**** Stored data ****

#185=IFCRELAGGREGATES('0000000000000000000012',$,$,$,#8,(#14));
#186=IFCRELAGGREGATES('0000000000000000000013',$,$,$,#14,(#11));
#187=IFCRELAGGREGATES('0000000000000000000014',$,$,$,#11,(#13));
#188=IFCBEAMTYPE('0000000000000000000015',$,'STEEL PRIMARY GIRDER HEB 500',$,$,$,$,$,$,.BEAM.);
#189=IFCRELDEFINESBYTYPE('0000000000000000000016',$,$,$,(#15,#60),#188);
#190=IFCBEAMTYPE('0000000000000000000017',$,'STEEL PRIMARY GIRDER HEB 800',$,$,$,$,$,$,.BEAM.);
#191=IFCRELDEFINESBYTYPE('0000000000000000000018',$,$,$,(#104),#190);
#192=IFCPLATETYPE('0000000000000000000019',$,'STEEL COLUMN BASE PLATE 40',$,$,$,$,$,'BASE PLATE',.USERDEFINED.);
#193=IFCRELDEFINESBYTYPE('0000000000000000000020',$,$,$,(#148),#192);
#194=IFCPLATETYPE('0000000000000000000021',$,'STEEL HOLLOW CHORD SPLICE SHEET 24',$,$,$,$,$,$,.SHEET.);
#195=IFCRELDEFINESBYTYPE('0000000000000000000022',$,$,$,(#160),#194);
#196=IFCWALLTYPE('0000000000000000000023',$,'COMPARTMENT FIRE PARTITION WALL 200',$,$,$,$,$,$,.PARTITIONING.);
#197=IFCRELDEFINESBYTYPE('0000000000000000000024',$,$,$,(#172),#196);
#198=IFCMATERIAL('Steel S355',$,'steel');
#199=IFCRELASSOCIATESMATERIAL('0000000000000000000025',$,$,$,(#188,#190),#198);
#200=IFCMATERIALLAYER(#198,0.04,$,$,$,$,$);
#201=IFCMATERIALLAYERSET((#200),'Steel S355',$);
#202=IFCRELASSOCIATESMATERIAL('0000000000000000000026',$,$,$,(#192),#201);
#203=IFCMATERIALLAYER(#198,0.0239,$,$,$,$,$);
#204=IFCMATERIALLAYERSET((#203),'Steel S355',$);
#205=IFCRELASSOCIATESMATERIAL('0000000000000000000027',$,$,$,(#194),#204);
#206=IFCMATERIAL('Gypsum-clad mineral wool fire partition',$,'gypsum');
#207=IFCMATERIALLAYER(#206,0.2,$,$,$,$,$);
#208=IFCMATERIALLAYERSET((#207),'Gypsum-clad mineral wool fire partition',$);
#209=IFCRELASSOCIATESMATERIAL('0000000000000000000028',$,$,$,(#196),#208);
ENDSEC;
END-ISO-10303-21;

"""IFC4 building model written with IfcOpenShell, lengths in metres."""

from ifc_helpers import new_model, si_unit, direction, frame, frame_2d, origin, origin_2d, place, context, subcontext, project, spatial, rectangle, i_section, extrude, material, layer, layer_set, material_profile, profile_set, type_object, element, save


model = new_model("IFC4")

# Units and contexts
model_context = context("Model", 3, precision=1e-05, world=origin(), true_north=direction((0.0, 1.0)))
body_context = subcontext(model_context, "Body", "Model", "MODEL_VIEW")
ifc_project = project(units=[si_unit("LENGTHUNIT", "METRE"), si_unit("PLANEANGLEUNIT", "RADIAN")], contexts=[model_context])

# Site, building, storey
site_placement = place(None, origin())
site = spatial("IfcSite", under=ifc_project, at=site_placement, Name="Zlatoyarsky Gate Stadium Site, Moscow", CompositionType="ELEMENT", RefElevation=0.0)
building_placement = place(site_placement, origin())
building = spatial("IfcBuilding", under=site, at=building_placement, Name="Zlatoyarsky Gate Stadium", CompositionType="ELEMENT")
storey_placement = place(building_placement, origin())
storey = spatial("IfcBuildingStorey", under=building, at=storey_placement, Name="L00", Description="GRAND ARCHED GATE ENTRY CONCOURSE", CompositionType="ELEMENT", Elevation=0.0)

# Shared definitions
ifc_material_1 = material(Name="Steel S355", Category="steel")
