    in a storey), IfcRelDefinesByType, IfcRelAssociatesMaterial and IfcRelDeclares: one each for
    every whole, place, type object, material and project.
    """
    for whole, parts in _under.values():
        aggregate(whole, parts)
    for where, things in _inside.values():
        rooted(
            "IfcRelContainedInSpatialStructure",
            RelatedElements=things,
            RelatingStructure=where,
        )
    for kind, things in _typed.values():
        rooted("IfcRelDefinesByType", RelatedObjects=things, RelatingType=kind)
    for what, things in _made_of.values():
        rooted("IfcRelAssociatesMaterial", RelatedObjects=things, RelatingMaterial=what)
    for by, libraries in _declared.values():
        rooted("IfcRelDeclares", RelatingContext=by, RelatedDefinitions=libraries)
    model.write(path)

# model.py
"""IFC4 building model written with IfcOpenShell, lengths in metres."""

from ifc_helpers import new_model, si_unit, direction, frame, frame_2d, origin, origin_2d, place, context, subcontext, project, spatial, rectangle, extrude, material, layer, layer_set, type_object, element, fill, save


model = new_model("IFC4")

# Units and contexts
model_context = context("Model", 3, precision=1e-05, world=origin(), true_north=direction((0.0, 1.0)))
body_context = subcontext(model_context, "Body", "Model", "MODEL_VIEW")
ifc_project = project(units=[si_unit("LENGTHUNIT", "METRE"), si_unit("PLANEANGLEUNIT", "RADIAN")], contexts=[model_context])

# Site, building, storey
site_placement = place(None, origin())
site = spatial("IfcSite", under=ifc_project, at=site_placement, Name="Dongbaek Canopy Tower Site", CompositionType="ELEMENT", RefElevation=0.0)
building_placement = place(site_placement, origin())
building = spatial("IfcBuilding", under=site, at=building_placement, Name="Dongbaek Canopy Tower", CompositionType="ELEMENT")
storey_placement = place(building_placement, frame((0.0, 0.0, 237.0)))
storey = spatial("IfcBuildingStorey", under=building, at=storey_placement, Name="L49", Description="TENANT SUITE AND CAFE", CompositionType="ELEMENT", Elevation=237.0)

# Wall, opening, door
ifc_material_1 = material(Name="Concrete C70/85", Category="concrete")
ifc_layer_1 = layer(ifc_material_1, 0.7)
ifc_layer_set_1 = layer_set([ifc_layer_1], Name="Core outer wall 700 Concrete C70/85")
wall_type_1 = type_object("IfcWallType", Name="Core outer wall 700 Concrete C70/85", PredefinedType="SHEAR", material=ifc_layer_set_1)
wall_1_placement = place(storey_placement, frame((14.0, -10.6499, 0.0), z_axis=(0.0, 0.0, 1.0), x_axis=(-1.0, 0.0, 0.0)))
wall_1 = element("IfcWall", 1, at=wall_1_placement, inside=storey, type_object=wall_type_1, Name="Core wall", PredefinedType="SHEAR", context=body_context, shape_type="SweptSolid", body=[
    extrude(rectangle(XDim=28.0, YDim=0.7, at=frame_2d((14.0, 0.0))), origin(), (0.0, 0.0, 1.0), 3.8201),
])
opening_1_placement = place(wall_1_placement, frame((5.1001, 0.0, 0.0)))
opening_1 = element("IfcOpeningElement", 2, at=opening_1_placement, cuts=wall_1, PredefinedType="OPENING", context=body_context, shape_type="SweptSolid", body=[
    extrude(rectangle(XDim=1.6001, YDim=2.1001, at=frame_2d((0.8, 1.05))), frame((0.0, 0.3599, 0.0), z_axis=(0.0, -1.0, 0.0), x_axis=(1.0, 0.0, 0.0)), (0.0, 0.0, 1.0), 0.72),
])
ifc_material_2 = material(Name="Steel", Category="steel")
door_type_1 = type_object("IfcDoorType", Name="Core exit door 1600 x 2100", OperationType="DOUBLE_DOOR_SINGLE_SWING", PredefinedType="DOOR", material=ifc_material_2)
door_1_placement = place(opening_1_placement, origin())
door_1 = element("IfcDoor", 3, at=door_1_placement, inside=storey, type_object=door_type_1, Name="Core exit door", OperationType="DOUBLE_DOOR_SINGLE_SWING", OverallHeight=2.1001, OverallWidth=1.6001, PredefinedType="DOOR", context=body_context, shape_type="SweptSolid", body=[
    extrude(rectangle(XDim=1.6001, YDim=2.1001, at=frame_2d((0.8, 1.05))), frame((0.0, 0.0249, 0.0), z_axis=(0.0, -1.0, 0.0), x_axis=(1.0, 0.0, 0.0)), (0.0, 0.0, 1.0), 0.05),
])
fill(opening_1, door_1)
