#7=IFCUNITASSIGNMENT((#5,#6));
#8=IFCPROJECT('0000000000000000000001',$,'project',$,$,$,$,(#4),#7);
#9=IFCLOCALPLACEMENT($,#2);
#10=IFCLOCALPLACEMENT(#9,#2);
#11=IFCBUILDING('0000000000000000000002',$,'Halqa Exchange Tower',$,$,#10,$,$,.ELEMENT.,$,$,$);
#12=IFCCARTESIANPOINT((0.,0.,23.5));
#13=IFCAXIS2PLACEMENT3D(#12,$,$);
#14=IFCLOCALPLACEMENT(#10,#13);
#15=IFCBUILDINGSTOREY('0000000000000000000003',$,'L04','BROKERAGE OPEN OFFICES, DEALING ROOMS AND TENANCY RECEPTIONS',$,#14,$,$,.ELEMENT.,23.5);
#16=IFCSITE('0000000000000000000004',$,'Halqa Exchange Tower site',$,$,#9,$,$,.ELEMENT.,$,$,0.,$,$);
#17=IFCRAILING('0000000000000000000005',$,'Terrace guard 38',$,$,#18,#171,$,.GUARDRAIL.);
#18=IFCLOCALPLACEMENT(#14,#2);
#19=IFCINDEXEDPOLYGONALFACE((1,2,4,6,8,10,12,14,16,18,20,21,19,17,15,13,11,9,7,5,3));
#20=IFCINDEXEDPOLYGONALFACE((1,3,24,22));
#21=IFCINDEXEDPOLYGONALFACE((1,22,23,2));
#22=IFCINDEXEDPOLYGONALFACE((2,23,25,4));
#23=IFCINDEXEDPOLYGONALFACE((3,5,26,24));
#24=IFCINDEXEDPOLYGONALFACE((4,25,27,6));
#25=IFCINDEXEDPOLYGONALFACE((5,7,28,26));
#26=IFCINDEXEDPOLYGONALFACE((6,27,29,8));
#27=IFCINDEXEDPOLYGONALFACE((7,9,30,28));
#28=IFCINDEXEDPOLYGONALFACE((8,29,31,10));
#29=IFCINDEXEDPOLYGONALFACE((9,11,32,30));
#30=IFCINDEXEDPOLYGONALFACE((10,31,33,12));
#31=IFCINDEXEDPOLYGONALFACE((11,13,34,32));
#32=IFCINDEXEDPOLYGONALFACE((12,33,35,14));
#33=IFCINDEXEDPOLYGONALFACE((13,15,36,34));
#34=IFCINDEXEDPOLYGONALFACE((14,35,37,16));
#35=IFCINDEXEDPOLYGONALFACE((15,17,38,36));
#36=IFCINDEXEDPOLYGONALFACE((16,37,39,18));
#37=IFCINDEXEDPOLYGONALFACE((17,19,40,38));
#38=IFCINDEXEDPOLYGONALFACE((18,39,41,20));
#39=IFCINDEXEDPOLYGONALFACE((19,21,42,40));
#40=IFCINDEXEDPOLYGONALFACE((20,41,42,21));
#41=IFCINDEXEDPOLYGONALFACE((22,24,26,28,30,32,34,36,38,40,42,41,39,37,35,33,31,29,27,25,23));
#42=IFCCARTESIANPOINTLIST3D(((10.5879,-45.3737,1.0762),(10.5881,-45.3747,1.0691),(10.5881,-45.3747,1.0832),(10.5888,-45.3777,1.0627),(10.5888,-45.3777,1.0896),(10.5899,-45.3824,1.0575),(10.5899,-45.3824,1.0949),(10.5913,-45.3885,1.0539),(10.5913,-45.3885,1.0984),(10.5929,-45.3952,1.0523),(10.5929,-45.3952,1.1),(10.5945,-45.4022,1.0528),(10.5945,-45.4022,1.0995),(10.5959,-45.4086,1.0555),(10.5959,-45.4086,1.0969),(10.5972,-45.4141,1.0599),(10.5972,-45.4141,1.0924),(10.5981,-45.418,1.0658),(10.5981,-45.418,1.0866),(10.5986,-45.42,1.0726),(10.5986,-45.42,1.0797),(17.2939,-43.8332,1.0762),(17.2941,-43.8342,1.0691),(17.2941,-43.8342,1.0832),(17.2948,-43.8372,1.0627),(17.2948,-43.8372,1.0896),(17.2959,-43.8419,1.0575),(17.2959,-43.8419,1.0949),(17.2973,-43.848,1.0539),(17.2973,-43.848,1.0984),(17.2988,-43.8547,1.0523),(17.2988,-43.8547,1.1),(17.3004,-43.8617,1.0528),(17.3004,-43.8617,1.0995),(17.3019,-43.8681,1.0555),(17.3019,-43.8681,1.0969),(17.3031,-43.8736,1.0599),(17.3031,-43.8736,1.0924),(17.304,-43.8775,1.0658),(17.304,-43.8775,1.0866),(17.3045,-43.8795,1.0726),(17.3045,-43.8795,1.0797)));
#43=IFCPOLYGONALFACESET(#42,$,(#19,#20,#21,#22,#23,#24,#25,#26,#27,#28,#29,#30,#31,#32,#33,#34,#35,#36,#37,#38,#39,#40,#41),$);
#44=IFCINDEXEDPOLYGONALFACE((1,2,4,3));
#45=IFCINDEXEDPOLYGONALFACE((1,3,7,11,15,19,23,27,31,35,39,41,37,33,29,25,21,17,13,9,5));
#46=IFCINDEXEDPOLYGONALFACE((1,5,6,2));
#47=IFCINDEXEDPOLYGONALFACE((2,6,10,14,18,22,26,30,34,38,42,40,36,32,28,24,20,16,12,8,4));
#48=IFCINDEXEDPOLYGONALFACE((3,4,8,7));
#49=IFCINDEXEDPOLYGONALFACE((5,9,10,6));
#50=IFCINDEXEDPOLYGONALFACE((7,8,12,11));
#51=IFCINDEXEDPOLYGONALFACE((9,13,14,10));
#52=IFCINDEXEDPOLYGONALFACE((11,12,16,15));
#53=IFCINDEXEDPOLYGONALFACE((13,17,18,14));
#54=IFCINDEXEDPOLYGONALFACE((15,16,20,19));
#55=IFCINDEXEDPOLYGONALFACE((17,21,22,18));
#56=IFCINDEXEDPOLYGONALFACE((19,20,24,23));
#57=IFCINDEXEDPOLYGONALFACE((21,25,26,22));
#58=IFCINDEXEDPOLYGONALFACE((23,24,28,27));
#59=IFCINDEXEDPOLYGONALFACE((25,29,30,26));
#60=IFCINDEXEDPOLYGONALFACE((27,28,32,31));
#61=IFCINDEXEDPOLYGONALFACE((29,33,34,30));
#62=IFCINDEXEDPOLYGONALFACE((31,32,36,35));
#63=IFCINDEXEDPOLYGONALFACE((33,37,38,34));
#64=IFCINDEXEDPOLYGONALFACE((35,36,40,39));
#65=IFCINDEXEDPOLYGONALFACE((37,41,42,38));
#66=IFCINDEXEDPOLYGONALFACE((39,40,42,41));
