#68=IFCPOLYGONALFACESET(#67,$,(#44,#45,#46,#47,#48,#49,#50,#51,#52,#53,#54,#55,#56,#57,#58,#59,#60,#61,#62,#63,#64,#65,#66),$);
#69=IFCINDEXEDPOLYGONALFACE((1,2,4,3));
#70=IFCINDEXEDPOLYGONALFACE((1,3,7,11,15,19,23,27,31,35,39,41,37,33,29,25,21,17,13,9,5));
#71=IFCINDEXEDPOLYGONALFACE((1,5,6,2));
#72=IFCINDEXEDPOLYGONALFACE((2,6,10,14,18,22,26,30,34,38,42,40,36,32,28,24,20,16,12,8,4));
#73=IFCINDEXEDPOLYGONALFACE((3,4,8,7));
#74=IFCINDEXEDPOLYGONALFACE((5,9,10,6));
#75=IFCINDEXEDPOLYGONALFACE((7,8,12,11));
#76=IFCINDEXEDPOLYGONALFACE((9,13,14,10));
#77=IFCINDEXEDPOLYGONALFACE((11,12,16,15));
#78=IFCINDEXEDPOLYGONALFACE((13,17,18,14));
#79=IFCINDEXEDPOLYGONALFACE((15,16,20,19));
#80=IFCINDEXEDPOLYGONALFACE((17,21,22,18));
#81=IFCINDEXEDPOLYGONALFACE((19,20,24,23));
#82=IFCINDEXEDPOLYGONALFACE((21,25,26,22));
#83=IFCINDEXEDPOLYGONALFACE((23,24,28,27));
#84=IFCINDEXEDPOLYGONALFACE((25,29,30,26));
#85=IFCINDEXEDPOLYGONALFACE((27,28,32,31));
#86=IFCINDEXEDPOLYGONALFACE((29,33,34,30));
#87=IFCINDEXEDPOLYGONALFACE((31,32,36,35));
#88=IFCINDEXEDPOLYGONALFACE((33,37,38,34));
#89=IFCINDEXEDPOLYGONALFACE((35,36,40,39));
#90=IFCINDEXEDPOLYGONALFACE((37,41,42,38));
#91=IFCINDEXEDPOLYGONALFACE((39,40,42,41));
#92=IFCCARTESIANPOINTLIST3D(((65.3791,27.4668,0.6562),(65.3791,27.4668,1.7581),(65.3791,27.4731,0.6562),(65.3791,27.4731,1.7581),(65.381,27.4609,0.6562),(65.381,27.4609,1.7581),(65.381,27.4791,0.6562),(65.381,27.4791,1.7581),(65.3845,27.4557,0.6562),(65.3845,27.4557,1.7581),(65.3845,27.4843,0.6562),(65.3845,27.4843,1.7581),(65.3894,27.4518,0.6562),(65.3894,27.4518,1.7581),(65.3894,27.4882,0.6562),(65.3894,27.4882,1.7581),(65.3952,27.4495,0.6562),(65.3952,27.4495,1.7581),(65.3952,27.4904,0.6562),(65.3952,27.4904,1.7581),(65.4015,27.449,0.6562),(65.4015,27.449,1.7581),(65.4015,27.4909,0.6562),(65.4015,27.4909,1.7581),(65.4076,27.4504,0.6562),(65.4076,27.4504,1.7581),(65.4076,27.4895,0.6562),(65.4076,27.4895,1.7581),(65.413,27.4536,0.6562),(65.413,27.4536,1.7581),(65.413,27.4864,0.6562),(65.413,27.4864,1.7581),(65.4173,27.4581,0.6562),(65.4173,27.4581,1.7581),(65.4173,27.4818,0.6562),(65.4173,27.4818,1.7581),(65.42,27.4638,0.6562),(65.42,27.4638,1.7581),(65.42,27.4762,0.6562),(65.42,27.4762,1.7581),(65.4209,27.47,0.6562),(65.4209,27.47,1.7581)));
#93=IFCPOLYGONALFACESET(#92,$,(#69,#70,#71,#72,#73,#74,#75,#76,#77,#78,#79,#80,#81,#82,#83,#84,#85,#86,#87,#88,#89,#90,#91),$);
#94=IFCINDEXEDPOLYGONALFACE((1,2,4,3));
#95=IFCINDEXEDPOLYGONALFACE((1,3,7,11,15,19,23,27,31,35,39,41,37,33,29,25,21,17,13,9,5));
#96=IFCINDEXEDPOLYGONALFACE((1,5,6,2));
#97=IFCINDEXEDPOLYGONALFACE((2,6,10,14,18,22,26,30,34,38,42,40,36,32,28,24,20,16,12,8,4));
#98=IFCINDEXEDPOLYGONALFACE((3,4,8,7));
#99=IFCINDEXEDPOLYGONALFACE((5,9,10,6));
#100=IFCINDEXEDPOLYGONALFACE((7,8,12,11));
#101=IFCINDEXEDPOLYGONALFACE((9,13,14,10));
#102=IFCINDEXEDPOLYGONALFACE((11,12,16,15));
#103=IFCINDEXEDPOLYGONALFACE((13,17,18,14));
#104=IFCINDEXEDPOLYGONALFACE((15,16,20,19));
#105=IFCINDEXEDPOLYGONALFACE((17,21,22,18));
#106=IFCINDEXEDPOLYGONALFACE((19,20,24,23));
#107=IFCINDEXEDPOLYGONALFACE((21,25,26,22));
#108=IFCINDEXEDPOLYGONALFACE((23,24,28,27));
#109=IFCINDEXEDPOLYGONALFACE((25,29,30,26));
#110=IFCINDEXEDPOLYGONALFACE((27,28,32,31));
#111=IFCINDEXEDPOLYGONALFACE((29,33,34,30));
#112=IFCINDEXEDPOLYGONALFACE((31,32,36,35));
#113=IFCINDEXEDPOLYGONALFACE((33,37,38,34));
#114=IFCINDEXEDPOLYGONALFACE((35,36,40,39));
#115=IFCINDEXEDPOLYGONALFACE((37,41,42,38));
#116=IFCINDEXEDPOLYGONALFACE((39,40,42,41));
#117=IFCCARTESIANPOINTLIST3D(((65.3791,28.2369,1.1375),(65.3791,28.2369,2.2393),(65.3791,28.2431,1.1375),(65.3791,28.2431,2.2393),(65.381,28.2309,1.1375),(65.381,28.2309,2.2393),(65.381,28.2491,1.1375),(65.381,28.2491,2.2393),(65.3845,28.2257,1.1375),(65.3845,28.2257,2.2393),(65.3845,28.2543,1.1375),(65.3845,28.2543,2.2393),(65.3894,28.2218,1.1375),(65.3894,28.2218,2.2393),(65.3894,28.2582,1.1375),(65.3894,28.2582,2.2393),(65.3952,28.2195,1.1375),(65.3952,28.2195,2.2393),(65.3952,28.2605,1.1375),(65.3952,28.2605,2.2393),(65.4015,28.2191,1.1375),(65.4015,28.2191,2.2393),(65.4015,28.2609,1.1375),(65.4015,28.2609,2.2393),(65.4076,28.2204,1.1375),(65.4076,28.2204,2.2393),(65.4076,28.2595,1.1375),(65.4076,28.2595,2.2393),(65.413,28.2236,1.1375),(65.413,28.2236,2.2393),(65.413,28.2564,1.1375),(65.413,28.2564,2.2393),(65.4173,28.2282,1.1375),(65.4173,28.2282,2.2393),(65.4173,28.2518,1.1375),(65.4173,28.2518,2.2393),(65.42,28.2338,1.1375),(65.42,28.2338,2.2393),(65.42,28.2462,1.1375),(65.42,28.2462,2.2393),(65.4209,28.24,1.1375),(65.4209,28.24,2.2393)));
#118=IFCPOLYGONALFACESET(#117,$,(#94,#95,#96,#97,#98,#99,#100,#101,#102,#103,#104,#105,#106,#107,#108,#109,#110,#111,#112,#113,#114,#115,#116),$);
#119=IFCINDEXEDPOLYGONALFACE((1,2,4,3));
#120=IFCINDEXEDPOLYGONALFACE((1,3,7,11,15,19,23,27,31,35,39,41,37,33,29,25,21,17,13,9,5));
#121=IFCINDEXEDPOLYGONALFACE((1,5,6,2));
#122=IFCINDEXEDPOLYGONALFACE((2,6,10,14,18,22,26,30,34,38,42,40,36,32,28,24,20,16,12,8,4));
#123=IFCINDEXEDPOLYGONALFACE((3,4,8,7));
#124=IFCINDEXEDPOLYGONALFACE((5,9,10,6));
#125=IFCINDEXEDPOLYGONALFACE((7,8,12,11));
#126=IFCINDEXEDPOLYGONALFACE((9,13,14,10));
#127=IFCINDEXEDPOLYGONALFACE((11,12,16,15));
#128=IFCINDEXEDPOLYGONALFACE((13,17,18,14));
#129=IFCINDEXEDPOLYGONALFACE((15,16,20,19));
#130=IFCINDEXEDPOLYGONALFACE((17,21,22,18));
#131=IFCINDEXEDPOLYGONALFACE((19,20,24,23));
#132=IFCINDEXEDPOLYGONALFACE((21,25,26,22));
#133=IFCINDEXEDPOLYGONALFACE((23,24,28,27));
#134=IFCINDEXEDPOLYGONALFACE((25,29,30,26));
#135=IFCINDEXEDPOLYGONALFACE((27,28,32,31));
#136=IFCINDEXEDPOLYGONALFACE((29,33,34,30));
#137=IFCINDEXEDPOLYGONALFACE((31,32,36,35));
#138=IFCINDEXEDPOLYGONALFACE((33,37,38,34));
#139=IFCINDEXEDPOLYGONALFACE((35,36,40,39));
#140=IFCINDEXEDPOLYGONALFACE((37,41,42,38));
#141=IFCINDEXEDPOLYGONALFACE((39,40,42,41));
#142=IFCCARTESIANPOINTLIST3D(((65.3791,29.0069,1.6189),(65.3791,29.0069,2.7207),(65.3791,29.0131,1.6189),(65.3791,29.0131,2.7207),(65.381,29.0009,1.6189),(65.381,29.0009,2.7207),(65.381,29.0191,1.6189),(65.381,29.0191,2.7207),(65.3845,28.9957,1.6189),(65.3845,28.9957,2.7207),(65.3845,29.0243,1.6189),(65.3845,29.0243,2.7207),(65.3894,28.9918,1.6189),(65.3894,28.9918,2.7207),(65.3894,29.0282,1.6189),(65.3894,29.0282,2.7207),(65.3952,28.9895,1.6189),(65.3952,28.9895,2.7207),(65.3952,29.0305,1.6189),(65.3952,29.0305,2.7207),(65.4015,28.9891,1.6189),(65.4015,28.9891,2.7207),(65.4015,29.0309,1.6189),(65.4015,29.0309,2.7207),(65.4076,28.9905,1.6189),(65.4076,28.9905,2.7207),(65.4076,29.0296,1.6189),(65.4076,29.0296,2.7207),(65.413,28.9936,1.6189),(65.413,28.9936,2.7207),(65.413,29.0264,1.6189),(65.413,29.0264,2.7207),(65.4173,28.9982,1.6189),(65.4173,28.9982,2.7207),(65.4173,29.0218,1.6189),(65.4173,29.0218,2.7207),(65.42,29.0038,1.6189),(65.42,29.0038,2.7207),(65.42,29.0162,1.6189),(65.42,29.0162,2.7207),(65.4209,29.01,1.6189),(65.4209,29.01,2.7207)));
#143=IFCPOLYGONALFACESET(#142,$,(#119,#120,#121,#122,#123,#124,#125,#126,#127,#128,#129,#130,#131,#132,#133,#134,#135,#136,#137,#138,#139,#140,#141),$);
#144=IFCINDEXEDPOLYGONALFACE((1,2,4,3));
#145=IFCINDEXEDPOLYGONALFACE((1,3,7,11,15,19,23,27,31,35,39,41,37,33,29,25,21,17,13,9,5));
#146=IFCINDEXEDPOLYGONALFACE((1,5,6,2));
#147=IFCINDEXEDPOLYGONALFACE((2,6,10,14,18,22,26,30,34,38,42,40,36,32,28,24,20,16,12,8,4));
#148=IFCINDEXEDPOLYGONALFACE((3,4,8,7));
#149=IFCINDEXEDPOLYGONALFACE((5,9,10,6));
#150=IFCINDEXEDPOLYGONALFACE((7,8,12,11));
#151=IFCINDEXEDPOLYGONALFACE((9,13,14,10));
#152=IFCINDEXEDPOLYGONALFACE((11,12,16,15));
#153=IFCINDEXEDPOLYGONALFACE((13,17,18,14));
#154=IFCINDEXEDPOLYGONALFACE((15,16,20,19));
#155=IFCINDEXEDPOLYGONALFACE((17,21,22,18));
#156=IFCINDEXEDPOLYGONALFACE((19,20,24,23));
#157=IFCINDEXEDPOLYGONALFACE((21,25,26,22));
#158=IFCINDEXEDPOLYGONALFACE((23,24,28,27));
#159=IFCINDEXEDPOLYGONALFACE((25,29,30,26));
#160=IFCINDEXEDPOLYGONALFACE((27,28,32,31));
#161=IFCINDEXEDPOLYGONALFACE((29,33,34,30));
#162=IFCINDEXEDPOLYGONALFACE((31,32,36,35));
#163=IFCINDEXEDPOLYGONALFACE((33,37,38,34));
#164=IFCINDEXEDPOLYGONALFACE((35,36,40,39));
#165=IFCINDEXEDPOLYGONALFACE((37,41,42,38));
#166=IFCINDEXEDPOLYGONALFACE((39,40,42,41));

****

| Task statement |
Show all lines above holding "IFCBEAMTYPE".

| Response to this task |
#188=IFCBEAMTYPE('0000000000000000000015',$,'STEEL PRIMARY GIRDER HEB 500',$,$,$,$,$,$,.BEAM.);
#190=IFCBEAMTYPE('0000000000000000000017',$,'STEEL PRIMARY GIRDER HEB 800',$,$,$,$,$,$,.BEAM.);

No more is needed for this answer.